- DATASET CONTENT:
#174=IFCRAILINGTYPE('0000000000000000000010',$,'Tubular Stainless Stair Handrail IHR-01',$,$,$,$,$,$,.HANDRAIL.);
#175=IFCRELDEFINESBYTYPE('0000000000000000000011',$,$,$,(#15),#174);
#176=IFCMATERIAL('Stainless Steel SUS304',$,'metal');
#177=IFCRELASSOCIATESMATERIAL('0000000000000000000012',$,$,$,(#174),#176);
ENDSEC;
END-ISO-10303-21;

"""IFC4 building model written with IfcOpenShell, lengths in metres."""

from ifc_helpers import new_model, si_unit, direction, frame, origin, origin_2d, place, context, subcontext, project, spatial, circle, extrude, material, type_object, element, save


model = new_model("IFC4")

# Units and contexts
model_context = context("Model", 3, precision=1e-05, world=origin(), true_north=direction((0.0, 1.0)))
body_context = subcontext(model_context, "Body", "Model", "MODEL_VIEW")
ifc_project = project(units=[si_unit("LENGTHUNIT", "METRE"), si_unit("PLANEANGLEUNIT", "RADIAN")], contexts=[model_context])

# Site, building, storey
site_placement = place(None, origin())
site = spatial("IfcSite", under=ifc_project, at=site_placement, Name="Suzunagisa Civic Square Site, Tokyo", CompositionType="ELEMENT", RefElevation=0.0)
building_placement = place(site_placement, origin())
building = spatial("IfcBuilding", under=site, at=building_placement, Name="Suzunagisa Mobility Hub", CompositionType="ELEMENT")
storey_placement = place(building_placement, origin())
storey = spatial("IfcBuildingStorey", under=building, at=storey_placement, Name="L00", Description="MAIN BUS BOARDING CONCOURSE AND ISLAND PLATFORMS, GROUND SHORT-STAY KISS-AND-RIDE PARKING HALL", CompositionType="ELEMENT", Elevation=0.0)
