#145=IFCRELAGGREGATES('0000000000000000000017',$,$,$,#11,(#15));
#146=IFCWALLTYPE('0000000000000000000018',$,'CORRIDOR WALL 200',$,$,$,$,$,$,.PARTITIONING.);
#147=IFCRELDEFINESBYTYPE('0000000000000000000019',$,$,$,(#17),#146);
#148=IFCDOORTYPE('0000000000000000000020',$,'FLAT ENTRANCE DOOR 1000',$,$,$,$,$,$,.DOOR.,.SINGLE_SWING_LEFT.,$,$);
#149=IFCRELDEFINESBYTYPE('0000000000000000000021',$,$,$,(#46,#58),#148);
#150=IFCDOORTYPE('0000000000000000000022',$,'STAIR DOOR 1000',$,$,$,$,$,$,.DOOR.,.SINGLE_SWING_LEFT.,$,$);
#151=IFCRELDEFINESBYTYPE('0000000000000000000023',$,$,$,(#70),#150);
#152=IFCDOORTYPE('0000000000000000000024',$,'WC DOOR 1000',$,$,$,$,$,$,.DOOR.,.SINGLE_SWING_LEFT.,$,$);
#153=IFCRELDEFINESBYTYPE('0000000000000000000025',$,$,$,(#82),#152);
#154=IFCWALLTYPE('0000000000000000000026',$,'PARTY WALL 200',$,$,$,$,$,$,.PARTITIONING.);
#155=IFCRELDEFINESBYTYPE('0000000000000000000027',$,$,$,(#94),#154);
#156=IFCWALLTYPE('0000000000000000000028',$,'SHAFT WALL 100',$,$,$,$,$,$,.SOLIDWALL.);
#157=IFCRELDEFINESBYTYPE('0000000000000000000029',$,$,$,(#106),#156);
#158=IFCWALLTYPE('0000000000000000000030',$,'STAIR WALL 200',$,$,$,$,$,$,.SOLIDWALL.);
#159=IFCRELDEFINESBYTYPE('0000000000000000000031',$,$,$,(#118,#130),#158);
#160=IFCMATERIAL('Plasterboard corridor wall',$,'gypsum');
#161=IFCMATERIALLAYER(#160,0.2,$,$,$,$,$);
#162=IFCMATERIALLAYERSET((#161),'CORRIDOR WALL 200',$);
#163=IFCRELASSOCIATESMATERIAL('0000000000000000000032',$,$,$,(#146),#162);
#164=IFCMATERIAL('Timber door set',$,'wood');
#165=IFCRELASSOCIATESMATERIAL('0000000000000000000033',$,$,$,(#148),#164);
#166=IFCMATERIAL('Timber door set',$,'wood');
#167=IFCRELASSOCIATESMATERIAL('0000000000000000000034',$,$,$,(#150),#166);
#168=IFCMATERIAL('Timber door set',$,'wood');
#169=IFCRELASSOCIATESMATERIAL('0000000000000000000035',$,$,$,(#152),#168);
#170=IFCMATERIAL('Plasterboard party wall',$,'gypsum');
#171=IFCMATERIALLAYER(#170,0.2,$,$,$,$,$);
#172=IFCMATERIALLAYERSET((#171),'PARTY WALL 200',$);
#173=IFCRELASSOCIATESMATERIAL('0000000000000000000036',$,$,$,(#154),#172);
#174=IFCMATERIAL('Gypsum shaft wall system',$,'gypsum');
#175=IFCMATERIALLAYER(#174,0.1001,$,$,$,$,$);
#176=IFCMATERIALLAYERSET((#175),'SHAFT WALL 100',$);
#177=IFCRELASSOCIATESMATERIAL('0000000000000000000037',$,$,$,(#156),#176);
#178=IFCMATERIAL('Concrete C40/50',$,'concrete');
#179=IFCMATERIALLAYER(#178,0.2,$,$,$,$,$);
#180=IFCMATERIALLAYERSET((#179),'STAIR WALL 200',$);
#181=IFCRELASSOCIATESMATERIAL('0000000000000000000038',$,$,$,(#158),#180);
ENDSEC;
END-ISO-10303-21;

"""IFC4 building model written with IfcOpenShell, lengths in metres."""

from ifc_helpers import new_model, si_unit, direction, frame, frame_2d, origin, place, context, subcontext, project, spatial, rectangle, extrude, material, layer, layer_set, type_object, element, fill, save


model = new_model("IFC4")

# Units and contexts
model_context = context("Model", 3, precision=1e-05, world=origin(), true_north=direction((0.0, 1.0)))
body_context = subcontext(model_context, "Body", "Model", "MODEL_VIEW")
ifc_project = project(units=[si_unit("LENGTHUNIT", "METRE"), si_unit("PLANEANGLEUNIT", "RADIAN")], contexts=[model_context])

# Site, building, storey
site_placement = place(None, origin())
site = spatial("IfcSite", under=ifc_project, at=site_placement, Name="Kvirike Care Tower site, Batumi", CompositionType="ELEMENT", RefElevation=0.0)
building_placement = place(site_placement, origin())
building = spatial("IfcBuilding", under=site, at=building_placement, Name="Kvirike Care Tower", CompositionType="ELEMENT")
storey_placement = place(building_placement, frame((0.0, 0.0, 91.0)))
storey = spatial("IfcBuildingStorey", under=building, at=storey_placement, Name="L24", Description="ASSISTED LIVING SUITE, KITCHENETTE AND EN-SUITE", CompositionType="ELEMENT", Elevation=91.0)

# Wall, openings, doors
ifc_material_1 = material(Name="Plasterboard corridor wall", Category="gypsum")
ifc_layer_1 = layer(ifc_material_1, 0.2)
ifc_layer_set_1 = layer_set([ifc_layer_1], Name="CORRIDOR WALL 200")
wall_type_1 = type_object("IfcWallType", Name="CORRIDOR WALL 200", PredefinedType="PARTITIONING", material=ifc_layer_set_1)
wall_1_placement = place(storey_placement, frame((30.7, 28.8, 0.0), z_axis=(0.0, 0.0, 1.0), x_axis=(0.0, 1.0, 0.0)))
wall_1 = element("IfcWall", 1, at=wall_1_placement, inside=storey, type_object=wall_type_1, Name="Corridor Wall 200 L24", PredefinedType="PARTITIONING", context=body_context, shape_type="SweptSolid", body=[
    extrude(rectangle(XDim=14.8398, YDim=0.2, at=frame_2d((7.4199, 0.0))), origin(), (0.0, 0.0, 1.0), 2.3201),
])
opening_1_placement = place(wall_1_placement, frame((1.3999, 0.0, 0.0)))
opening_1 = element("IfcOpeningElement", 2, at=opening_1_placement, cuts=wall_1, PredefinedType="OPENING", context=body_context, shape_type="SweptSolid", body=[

- TASK TO COMPLETE: Given the records above, restate word for word only the lines starting at the one with "#148=IFCDOORTYPE('0000000000000000000020',$,'FLAT ENTRANCE DOOR" and ending at the one with "#160=IFCMATERIAL('Plasterboard corridor wall',$,'gypsum');".

- SOLUTION TO THIS EXERCISE:
#148=IFCDOORTYPE('0000000000000000000020',$,'FLAT ENTRANCE DOOR 1000',$,$,$,$,$,$,.DOOR.,.SINGLE_SWING_LEFT.,$,$);
#149=IFCRELDEFINESBYTYPE('0000000000000000000021',$,$,$,(#46,#58),#148);
#150=IFCDOORTYPE('0000000000000000000022',$,'STAIR DOOR 1000',$,$,$,$,$,$,.DOOR.,.SINGLE_SWING_LEFT.,$,$);
#151=IFCRELDEFINESBYTYPE('0000000000000000000023',$,$,$,(#70),#150);
#152=IFCDOORTYPE('0000000000000000000024',$,'WC DOOR 1000',$,$,$,$,$,$,.DOOR.,.SINGLE_SWING_LEFT.,$,$);
#153=IFCRELDEFINESBYTYPE('0000000000000000000025',$,$,$,(#82),#152);
#154=IFCWALLTYPE('0000000000000000000026',$,'PARTY WALL 200',$,$,$,$,$,$,.PARTITIONING.);
#155=IFCRELDEFINESBYTYPE('0000000000000000000027',$,$,$,(#94),#154);
#156=IFCWALLTYPE('0000000000000000000028',$,'SHAFT WALL 100',$,$,$,$,$,$,.SOLIDWALL.);
#157=IFCRELDEFINESBYTYPE('0000000000000000000029',$,$,$,(#106),#156);
#158=IFCWALLTYPE('0000000000000000000030',$,'STAIR WALL 200',$,$,$,$,$,$,.SOLIDWALL.);
#159=IFCRELDEFINESBYTYPE('0000000000000000000031',$,$,$,(#118,#130),#158);
#160=IFCMATERIAL('Plasterboard corridor wall',$,'gypsum');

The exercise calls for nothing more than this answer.